Problem details:
In the listing below, find the line with "#193=IFCMATERIALLAYER(#192,0.2,$,$,$,$,$);" and the line with "world=origin(), true_north=direction((0.0, 1.0)))". Repeat those two lines and all lines between them exactly.
──────── Data
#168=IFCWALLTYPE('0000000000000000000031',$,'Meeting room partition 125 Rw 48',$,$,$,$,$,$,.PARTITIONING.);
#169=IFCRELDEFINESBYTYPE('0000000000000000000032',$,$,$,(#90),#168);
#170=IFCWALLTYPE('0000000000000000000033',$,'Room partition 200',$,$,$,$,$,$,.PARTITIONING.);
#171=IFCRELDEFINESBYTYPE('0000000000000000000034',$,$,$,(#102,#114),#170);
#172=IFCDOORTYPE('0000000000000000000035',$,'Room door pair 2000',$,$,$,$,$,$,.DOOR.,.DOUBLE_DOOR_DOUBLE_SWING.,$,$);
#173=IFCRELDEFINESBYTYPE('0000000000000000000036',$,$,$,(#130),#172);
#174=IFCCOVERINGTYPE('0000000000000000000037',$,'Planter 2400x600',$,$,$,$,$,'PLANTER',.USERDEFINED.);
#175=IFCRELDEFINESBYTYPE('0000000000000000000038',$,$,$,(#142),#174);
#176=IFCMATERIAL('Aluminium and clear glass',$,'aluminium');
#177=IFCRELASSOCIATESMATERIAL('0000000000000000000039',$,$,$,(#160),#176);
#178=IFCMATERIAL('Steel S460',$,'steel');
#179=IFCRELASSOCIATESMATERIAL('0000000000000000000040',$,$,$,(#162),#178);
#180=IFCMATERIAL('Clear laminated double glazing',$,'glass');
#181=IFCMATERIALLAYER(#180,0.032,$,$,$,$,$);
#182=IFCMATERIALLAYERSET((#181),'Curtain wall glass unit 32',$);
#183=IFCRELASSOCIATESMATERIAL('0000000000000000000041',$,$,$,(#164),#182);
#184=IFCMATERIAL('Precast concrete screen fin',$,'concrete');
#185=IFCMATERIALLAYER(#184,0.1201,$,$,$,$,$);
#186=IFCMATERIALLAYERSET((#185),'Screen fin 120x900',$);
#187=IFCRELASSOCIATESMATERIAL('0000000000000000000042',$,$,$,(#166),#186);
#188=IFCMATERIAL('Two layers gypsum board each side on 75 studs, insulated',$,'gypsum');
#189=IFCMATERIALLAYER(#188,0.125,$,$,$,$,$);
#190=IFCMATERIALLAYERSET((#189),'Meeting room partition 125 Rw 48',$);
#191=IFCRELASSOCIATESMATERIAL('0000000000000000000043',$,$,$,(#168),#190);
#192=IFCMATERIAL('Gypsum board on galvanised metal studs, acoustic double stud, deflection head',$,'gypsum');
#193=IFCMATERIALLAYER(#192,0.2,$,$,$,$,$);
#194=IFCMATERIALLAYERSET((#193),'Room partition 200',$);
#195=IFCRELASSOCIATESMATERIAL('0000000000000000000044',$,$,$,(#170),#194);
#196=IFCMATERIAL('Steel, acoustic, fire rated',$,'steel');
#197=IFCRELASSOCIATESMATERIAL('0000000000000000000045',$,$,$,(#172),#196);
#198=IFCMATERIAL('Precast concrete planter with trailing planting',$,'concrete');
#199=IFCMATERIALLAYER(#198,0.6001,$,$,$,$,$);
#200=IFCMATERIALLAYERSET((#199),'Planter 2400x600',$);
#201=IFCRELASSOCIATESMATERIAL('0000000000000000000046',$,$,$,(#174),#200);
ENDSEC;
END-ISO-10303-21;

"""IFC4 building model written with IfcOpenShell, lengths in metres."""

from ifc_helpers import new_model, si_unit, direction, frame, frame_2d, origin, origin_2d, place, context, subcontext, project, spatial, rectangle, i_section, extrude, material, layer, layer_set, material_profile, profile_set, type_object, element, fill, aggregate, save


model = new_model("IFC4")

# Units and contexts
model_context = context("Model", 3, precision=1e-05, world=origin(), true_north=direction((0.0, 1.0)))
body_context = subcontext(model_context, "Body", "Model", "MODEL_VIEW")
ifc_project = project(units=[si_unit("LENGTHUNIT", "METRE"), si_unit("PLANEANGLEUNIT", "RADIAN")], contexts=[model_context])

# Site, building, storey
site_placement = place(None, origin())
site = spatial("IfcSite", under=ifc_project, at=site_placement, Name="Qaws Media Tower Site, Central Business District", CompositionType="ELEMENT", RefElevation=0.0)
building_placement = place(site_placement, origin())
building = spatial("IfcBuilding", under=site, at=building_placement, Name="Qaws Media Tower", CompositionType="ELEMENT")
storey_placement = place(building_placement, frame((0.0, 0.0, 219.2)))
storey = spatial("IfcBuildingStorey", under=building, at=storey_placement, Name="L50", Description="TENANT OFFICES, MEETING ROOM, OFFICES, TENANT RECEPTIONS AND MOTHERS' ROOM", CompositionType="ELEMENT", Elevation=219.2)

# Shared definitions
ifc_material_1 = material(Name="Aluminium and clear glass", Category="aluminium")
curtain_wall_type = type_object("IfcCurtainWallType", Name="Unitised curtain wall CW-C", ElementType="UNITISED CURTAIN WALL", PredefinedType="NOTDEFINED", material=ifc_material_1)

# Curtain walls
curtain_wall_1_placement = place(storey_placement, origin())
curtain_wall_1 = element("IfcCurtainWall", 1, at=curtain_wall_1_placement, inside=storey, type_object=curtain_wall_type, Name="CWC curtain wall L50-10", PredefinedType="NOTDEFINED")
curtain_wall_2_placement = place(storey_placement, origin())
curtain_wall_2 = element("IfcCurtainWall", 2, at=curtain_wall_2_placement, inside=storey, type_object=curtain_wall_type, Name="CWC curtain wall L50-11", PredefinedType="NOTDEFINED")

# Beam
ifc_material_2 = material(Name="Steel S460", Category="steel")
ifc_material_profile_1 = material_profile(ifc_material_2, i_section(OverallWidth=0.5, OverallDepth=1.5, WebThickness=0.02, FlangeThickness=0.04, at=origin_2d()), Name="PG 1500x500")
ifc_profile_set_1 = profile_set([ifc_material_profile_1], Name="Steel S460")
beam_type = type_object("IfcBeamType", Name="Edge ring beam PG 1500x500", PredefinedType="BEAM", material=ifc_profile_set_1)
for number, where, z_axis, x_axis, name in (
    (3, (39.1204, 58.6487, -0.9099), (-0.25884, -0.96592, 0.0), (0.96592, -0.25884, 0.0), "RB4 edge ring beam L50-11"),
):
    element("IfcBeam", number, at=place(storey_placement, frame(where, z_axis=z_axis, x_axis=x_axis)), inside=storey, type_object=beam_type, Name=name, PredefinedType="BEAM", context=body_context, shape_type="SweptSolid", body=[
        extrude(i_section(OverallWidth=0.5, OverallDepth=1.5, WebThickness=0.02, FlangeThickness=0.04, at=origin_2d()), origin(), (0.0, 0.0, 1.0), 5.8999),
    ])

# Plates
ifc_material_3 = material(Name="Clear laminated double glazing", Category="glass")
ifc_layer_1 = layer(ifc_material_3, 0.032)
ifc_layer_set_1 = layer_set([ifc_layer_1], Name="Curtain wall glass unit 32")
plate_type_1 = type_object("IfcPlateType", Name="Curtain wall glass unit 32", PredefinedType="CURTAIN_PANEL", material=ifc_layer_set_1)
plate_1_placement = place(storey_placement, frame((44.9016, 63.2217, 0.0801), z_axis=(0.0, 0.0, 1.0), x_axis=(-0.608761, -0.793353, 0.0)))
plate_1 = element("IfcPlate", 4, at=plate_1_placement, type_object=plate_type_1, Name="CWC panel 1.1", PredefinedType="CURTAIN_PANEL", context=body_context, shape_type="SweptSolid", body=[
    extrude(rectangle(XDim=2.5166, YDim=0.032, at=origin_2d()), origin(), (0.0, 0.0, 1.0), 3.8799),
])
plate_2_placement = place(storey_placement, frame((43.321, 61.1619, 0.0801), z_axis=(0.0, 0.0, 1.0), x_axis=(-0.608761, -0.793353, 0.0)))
────────────────
Finished task:
#193=IFCMATERIALLAYER(#192,0.2,$,$,$,$,$);
#194=IFCMATERIALLAYERSET((#193),'Room partition 200',$);
#195=IFCRELASSOCIATESMATERIAL('0000000000000000000044',$,$,$,(#170),#194);
#196=IFCMATERIAL('Steel, acoustic, fire rated',$,'steel');
#197=IFCRELASSOCIATESMATERIAL('0000000000000000000045',$,$,$,(#172),#196);
#198=IFCMATERIAL('Precast concrete planter with trailing planting',$,'concrete');
#199=IFCMATERIALLAYER(#198,0.6001,$,$,$,$,$);
#200=IFCMATERIALLAYERSET((#199),'Planter 2400x600',$);
#201=IFCRELASSOCIATESMATERIAL('0000000000000000000046',$,$,$,(#174),#200);
ENDSEC;
END-ISO-10303-21;

"""IFC4 building model written with IfcOpenShell, lengths in metres."""

from ifc_helpers import new_model, si_unit, direction, frame, frame_2d, origin, origin_2d, place, context, subcontext, project, spatial, rectangle, i_section, extrude, material, layer, layer_set, material_profile, profile_set, type_object, element, fill, aggregate, save


model = new_model("IFC4")

# Units and contexts
model_context = context("Model", 3, precision=1e-05, world=origin(), true_north=direction((0.0, 1.0)))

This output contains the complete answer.